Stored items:

[Start of Attachment]

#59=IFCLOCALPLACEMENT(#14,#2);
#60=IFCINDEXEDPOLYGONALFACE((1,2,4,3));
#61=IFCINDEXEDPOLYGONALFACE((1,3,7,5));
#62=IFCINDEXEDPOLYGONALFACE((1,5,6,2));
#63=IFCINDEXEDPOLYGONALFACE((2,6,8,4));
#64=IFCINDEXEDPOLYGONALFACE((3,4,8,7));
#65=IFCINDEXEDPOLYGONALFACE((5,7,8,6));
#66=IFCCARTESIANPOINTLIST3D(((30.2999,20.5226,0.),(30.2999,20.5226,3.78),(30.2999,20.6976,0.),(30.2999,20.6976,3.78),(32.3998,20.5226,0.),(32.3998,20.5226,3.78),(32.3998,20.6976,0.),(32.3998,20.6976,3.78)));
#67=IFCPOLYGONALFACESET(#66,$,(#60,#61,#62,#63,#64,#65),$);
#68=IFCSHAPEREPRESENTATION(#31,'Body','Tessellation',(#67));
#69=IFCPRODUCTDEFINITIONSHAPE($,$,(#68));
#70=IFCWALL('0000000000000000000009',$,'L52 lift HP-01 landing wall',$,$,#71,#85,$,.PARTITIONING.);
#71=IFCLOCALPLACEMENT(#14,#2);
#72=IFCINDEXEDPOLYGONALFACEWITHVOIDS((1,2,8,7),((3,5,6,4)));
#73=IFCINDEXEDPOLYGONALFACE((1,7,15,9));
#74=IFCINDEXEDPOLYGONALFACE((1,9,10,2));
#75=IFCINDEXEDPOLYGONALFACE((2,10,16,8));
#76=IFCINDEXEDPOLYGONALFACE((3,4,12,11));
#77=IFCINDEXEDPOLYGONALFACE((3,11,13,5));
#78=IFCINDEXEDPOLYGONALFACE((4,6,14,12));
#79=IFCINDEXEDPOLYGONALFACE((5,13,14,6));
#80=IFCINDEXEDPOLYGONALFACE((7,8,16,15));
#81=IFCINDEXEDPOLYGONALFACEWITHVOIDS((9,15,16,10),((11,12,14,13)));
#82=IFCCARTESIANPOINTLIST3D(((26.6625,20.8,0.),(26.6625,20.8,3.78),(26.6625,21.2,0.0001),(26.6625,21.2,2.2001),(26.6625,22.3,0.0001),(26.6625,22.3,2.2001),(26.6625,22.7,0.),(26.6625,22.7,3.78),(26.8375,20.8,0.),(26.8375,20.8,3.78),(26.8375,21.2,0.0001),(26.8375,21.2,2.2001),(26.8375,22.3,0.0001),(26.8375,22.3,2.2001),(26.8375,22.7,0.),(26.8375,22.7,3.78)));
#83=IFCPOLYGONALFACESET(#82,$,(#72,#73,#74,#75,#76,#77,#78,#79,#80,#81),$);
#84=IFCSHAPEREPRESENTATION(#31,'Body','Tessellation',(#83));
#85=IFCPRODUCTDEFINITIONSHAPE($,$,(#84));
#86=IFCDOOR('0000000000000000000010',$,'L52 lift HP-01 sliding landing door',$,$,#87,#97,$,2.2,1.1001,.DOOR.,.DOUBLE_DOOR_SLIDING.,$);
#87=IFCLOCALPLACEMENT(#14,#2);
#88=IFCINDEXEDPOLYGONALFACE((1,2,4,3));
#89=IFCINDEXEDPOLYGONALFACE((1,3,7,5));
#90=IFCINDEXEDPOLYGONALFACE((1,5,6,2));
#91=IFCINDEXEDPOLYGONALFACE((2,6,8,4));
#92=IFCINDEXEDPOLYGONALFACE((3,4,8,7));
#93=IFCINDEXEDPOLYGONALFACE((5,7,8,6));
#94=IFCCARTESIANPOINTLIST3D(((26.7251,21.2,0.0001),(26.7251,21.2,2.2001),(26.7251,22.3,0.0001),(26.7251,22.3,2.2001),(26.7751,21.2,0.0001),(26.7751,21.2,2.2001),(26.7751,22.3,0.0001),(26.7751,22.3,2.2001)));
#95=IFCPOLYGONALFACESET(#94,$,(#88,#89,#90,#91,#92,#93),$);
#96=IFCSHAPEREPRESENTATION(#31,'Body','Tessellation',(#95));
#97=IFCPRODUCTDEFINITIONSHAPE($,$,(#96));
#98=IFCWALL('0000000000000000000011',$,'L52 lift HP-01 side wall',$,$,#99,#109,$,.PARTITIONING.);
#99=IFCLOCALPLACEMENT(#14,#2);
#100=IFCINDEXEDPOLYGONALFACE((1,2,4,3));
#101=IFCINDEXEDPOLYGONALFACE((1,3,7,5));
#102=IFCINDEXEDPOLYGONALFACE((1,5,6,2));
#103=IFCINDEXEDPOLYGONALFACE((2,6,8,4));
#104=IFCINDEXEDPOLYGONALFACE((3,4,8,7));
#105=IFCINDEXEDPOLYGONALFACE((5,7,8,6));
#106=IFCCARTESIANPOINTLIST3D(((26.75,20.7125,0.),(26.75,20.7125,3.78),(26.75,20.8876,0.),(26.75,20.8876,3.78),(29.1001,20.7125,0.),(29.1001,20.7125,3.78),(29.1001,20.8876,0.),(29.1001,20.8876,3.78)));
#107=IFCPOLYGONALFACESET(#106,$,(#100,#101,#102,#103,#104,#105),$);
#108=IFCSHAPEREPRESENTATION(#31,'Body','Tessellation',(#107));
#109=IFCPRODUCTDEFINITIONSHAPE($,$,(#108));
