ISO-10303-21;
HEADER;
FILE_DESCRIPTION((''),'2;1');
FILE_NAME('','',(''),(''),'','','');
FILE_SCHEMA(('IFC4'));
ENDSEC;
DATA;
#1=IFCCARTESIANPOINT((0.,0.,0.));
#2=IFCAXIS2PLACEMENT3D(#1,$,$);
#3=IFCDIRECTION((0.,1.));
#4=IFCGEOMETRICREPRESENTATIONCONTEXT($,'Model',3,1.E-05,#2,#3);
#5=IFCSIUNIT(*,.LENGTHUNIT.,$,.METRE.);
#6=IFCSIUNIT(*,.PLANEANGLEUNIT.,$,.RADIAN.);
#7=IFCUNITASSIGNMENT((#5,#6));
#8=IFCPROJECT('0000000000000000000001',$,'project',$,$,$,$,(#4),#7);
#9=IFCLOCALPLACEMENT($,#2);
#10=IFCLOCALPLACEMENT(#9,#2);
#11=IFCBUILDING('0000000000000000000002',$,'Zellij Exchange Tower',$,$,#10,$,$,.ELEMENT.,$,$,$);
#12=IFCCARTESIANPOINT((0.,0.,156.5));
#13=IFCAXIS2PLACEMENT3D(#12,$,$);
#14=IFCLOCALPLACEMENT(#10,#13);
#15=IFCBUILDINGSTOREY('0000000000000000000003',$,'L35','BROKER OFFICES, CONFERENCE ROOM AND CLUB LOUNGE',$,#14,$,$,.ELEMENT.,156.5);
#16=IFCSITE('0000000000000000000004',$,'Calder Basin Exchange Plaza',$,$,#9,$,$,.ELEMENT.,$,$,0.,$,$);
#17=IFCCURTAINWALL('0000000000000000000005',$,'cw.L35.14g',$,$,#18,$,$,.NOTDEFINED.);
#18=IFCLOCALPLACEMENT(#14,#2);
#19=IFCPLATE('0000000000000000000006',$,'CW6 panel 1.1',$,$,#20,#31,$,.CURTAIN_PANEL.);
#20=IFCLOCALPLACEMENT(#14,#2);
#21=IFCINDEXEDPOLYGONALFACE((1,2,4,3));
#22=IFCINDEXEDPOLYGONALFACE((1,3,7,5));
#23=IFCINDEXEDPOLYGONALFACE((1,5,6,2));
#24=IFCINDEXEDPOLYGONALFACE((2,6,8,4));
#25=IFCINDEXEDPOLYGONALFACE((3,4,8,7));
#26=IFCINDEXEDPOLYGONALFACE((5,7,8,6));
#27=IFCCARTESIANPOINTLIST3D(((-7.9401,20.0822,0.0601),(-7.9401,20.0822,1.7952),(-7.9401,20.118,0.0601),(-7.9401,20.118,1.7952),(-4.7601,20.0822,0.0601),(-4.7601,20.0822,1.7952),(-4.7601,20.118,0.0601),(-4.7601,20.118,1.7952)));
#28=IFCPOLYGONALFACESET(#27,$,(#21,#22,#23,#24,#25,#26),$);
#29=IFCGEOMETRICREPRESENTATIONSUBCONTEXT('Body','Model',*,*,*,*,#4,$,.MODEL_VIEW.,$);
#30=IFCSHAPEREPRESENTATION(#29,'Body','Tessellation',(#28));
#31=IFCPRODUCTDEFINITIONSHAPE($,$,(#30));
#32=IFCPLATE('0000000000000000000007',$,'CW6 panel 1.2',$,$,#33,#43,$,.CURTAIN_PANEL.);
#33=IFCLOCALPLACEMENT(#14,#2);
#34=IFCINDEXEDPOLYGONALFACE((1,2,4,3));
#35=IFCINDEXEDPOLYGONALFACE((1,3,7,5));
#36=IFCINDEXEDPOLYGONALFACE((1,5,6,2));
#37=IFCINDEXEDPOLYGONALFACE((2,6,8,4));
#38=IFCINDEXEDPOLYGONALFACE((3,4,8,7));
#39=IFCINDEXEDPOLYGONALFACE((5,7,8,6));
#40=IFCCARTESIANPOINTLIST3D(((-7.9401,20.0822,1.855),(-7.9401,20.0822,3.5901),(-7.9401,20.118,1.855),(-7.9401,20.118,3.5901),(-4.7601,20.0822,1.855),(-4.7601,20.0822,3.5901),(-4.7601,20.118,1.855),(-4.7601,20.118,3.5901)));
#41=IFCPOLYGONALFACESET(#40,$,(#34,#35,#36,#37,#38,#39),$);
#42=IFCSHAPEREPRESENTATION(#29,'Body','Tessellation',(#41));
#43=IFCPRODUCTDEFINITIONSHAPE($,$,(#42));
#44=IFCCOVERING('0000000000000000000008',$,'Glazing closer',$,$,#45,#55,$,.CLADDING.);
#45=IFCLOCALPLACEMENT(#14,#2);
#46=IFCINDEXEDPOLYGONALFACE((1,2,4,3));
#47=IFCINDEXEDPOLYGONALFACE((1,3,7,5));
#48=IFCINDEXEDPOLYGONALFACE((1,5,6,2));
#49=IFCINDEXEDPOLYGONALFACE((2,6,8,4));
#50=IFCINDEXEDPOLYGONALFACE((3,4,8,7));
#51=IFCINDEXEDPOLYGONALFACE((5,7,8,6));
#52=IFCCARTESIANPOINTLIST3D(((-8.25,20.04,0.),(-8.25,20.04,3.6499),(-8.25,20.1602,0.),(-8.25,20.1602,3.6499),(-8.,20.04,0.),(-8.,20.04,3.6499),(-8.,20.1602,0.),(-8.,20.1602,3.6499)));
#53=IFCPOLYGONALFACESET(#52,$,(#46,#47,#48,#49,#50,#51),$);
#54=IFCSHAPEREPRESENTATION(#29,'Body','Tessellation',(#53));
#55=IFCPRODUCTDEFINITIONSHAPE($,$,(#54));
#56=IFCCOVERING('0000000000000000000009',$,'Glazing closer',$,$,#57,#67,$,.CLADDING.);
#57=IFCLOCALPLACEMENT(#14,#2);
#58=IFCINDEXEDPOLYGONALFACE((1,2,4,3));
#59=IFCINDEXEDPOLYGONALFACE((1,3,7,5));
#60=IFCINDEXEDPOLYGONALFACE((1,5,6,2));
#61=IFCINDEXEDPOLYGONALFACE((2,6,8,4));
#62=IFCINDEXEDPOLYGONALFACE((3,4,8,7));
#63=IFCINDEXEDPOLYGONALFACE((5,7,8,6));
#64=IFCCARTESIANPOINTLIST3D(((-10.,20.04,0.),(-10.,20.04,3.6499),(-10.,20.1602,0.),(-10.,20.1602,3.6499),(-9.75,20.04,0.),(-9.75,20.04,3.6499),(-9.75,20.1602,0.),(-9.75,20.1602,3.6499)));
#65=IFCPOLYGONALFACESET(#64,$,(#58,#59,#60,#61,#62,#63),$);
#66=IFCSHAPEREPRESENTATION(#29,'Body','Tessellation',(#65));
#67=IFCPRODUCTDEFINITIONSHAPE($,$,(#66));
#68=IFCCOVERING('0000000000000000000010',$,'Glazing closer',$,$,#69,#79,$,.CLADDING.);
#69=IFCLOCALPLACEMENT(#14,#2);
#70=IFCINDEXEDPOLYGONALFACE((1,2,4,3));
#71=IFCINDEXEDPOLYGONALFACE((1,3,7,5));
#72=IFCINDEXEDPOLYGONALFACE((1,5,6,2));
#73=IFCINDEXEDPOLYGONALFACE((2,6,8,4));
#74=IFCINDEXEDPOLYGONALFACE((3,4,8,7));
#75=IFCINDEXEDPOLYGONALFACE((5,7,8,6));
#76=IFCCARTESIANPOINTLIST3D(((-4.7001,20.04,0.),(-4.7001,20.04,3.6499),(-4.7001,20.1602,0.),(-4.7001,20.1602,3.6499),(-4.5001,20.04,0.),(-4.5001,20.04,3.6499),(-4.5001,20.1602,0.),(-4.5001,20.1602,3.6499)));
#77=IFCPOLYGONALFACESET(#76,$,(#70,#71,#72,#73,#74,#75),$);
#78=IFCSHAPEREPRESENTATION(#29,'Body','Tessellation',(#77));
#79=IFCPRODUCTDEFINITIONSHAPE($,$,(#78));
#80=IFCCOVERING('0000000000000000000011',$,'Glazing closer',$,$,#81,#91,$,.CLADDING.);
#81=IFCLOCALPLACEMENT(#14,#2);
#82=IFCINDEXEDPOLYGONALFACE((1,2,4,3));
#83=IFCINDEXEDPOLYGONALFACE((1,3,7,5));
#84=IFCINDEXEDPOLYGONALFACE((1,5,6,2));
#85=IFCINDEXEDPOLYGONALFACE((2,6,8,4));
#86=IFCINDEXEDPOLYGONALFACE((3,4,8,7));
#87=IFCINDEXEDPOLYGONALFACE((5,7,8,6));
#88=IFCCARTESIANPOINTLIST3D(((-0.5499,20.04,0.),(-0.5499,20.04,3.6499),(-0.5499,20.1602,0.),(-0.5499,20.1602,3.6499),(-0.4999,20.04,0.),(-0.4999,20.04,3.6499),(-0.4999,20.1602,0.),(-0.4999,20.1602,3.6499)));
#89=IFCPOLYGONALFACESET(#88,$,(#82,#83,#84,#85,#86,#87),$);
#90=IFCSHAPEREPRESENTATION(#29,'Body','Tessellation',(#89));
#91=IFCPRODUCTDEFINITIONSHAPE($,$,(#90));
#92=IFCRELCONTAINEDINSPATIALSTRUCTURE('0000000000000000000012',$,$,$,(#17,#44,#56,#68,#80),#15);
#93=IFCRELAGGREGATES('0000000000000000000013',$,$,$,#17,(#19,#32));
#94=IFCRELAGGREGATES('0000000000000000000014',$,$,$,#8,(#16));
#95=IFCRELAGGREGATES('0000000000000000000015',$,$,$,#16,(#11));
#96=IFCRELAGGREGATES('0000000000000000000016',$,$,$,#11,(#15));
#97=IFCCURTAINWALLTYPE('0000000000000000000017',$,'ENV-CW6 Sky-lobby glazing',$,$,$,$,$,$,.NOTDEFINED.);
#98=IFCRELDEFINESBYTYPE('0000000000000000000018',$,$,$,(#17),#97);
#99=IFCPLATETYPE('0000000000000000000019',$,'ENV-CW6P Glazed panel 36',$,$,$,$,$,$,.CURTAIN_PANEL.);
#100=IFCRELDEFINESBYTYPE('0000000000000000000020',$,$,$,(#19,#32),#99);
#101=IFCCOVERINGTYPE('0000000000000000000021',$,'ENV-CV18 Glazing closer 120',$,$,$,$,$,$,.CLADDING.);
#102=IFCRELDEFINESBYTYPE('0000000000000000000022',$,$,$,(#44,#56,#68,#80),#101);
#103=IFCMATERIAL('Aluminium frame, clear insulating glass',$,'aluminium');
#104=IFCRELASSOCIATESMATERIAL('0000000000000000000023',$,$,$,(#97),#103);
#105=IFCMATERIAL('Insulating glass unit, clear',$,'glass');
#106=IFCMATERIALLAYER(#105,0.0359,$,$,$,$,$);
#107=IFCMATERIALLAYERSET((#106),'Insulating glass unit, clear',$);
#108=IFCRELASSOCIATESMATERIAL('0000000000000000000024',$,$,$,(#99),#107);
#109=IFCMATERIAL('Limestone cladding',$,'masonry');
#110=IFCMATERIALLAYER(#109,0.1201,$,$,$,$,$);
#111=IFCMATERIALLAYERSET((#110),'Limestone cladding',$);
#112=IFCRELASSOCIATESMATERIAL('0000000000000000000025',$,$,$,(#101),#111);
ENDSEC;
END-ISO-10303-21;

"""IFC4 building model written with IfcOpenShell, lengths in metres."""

from ifc_helpers import new_model, si_unit, direction, frame, origin, origin_2d, place, context, subcontext, project, spatial, rectangle, extrude, material, layer, layer_set, type_object, element, aggregate, save


model = new_model("IFC4")

# Units and contexts
model_context = context("Model", 3, precision=1e-05, world=origin(), true_north=direction((0.0, 1.0)))
body_context = subcontext(model_context, "Body", "Model", "MODEL_VIEW")
ifc_project = project(units=[si_unit("LENGTHUNIT", "METRE"), si_unit("PLANEANGLEUNIT", "RADIAN")], contexts=[model_context])

# Site, building, storey
site_placement = place(None, origin())
site = spatial("IfcSite", under=ifc_project, at=site_placement, Name="Calder Basin Exchange Plaza", CompositionType="ELEMENT", RefElevation=0.0)
building_placement = place(site_placement, origin())
building = spatial("IfcBuilding", under=site, at=building_placement, Name="Zellij Exchange Tower", CompositionType="ELEMENT")
storey_placement = place(building_placement, frame((0.0, 0.0, 156.5)))
storey = spatial("IfcBuildingStorey", under=building, at=storey_placement, Name="L35", Description="BROKER OFFICES, CONFERENCE ROOM AND CLUB LOUNGE", CompositionType="ELEMENT", Elevation=156.5)

# Curtain wall
ifc_material_1 = material(Name="Aluminium frame, clear insulating glass", Category="aluminium")
curtain_wall_type = type_object("IfcCurtainWallType", Name="ENV-CW6 Sky-lobby glazing", PredefinedType="NOTDEFINED", material=ifc_material_1)
curtain_wall_1_placement = place(storey_placement, origin())
curtain_wall_1 = element("IfcCurtainWall", 1, at=curtain_wall_1_placement, inside=storey, type_object=curtain_wall_type, Name="cw.L35.14g", PredefinedType="NOTDEFINED")

# Plates
ifc_material_2 = material(Name="Insulating glass unit, clear", Category="glass")
ifc_layer_1 = layer(ifc_material_2, 0.0359)
ifc_layer_set_1 = layer_set([ifc_layer_1], Name="Insulating glass unit, clear")
plate_type = type_object("IfcPlateType", Name="ENV-CW6P Glazed panel 36", PredefinedType="CURTAIN_PANEL", material=ifc_layer_set_1)
plate_1_placement = place(storey_placement, frame((-6.3501, 20.1001, 0.0601), z_axis=(0.0, 0.0, 1.0), x_axis=(-1.0, 0.0, 0.0)))
plate_1 = element("IfcPlate", 2, at=plate_1_placement, type_object=plate_type, Name="CW6 panel 1.1", PredefinedType="CURTAIN_PANEL", context=body_context, shape_type="SweptSolid", body=[
    extrude(rectangle(XDim=3.1799, YDim=0.0359, at=origin_2d()), origin(), (0.0, 0.0, 1.0), 1.7351),
])
plate_2_placement = place(storey_placement, frame((-6.3501, 20.1001, 1.855), z_axis=(0.0, 0.0, 1.0), x_axis=(-1.0, 0.0, 0.0)))
plate_2 = element("IfcPlate", 3, at=plate_2_placement, type_object=plate_type, Name="CW6 panel 1.2", PredefinedType="CURTAIN_PANEL", context=body_context, shape_type="SweptSolid", body=[
    extrude(rectangle(XDim=3.1799, YDim=0.0359, at=origin_2d()), origin(), (0.0, 0.0, 1.0), 1.7351),
])
aggregate(curtain_wall_1, [plate_1, plate_2])

# Coverings
ifc_material_3 = material(Name="Limestone cladding", Category="masonry")
ifc_layer_2 = layer(ifc_material_3, 0.1201)
ifc_layer_set_2 = layer_set([ifc_layer_2], Name="Limestone cladding")
covering_type = type_object("IfcCoveringType", Name="ENV-CV18 Glazing closer 120", PredefinedType="CLADDING", material=ifc_layer_set_2)
for number, where, z_axis, x_axis, name in (
    (4, (-8.125, 20.1001, 0.0), (0.0, 0.0, 1.0), (-1.0, 0.0, 0.0), "Glazing closer"),
    (5, (-9.875, 20.1001, 0.0), (0.0, 0.0, 1.0), (1.0, 0.0, 0.0), "Glazing closer"),
):
    element("IfcCovering", number, at=place(storey_placement, frame(where, z_axis=z_axis, x_axis=x_axis)), inside=storey, type_object=covering_type, Name=name, PredefinedType="CLADDING", context=body_context, shape_type="SweptSolid", body=[
        extrude(rectangle(XDim=0.25, YDim=0.1201, at=origin_2d()), origin(), (0.0, 0.0, 1.0), 3.6499),
    ])
covering_1_placement = place(storey_placement, frame((-4.6001, 20.1001, 0.0), z_axis=(0.0, 0.0, 1.0), x_axis=(1.0, 0.0, 0.0)))
element("IfcCovering", 6, at=covering_1_placement, inside=storey, type_object=covering_type, Name="Glazing closer", PredefinedType="CLADDING", context=body_context, shape_type="SweptSolid", body=[
    extrude(rectangle(XDim=0.2, YDim=0.1201, at=origin_2d()), origin(), (0.0, 0.0, 1.0), 3.6499),
])
covering_2_placement = place(storey_placement, frame((-0.5249, 20.1001, 0.0), z_axis=(0.0, 0.0, 1.0), x_axis=(1.0, 0.0, 0.0)))
element("IfcCovering", 7, at=covering_2_placement, inside=storey, type_object=covering_type, Name="Glazing closer", PredefinedType="CLADDING", context=body_context, shape_type="SweptSolid", body=[
    extrude(rectangle(XDim=0.05, YDim=0.1201, at=origin_2d()), origin(), (0.0, 0.0, 1.0), 3.6499),
])

save(model, "model.ifc")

[End of Attachment]

» EXERCISE AIM
For the string "IFCRELASSOCIATESMATERIAL", filter the data and copy out each line where it occurs.

» ANSWER
#104=IFCRELASSOCIATESMATERIAL('0000000000000000000023',$,$,$,(#97),#103);
#108=IFCRELASSOCIATESMATERIAL('0000000000000000000024',$,$,$,(#99),#107);
#112=IFCRELASSOCIATESMATERIAL('0000000000000000000025',$,$,$,(#101),#111);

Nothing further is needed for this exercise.